Segment Start: DATA SUPPLIED

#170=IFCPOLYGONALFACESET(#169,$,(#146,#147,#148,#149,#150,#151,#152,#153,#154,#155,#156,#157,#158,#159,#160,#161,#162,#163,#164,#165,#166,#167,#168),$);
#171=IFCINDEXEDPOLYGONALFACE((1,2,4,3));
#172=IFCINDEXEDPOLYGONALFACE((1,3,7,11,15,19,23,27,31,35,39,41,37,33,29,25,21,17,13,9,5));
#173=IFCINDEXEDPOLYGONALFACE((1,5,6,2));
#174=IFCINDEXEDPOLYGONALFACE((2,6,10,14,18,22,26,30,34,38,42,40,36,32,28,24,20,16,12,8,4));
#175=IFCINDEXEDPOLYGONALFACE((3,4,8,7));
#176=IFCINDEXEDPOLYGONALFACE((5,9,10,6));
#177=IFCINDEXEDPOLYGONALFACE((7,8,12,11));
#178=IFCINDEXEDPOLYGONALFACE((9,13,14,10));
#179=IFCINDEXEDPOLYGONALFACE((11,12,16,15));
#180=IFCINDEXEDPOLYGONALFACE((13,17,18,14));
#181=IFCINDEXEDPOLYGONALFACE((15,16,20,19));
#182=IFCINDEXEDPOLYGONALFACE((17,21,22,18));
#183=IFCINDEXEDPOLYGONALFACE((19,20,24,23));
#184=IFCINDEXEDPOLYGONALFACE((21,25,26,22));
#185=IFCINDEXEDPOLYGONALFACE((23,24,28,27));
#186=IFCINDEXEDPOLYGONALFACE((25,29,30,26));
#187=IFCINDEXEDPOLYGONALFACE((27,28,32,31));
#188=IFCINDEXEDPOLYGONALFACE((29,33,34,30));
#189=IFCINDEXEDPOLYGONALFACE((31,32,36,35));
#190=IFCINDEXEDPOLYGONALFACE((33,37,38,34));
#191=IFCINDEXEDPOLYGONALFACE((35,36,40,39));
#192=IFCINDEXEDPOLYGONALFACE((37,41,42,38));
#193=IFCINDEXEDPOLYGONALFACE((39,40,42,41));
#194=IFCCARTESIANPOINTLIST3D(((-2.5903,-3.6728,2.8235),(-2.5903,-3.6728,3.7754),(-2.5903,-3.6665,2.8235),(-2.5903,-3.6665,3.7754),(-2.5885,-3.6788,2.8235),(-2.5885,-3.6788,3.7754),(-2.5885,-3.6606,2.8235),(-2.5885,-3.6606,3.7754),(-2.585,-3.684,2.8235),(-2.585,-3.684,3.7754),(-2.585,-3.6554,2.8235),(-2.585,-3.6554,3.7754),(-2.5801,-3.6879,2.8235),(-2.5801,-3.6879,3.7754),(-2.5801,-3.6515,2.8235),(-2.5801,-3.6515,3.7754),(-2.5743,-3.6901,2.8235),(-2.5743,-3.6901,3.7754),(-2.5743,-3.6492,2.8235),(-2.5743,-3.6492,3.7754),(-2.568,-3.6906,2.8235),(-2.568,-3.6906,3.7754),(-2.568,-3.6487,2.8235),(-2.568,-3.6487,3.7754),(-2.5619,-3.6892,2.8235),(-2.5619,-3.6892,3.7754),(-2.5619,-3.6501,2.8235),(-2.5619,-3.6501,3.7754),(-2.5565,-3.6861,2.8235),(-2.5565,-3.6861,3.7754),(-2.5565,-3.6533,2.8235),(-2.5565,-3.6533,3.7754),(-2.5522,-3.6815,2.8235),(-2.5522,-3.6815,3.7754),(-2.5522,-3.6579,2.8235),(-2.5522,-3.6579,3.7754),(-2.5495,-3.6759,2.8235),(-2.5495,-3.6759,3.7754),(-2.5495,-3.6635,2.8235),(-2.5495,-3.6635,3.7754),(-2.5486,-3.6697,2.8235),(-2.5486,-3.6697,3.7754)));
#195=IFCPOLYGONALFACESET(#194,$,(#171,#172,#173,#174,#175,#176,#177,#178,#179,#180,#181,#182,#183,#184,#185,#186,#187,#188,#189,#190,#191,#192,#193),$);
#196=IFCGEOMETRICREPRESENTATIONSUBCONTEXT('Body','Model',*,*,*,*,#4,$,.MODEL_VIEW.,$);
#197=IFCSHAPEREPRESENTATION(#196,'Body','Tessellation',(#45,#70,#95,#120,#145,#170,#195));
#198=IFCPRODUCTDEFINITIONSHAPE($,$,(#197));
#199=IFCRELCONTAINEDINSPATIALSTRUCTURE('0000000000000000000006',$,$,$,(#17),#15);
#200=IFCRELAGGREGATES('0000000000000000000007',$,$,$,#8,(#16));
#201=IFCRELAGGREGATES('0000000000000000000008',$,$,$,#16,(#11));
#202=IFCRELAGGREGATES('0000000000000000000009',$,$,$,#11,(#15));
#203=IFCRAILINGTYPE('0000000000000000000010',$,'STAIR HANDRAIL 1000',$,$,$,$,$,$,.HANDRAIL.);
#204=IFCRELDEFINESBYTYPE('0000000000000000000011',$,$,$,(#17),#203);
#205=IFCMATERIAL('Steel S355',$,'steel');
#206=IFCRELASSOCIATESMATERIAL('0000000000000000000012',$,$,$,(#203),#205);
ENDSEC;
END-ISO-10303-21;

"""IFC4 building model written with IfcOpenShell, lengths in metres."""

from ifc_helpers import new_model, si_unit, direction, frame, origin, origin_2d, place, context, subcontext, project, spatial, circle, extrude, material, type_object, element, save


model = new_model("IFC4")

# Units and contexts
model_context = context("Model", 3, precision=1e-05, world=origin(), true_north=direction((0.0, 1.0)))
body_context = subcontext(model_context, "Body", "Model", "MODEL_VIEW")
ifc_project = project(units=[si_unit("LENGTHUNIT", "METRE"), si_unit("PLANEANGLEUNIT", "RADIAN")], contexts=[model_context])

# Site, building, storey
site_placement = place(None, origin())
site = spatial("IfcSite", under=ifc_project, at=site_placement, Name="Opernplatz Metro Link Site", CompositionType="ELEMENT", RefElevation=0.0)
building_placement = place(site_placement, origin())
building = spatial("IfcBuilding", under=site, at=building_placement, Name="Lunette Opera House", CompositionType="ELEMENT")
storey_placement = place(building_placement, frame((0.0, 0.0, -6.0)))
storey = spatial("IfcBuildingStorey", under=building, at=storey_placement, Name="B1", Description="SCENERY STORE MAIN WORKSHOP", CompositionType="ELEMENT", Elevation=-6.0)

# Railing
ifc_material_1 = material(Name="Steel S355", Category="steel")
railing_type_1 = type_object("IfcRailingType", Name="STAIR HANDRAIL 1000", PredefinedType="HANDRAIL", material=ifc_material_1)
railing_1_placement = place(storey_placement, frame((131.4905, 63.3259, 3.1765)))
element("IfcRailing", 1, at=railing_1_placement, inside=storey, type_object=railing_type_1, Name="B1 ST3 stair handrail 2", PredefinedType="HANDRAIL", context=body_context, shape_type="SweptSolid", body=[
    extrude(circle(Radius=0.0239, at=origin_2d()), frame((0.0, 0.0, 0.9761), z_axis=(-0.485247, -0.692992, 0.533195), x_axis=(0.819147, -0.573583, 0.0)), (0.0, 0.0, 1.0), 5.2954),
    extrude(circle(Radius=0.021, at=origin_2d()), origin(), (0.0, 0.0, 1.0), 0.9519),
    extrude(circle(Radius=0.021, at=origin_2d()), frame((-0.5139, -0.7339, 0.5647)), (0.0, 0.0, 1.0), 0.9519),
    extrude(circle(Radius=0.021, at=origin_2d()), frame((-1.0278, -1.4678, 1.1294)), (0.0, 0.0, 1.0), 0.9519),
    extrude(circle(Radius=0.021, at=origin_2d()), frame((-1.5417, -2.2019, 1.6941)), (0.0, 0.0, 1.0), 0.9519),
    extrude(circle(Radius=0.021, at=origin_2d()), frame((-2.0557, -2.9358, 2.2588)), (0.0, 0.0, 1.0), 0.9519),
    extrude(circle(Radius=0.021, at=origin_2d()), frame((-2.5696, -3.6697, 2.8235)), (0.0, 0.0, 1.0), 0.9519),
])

Segment End: DATA SUPPLIED

§ GOAL OF THE EXERCISE: Return only the part of the records above that opens with the line containing "#187=IFCINDEXEDPOLYGONALFACE((27,28,32,31));" and closes with the line containing "#193=IFCINDEXEDPOLYGONALFACE((39,40,42,41));", ends included.

§ EXERCISE OUTPUT:
#187=IFCINDEXEDPOLYGONALFACE((27,28,32,31));
#188=IFCINDEXEDPOLYGONALFACE((29,33,34,30));
#189=IFCINDEXEDPOLYGONALFACE((31,32,36,35));
#190=IFCINDEXEDPOLYGONALFACE((33,37,38,34));
#191=IFCINDEXEDPOLYGONALFACE((35,36,40,39));
#192=IFCINDEXEDPOLYGONALFACE((37,41,42,38));
#193=IFCINDEXEDPOLYGONALFACE((39,40,42,41));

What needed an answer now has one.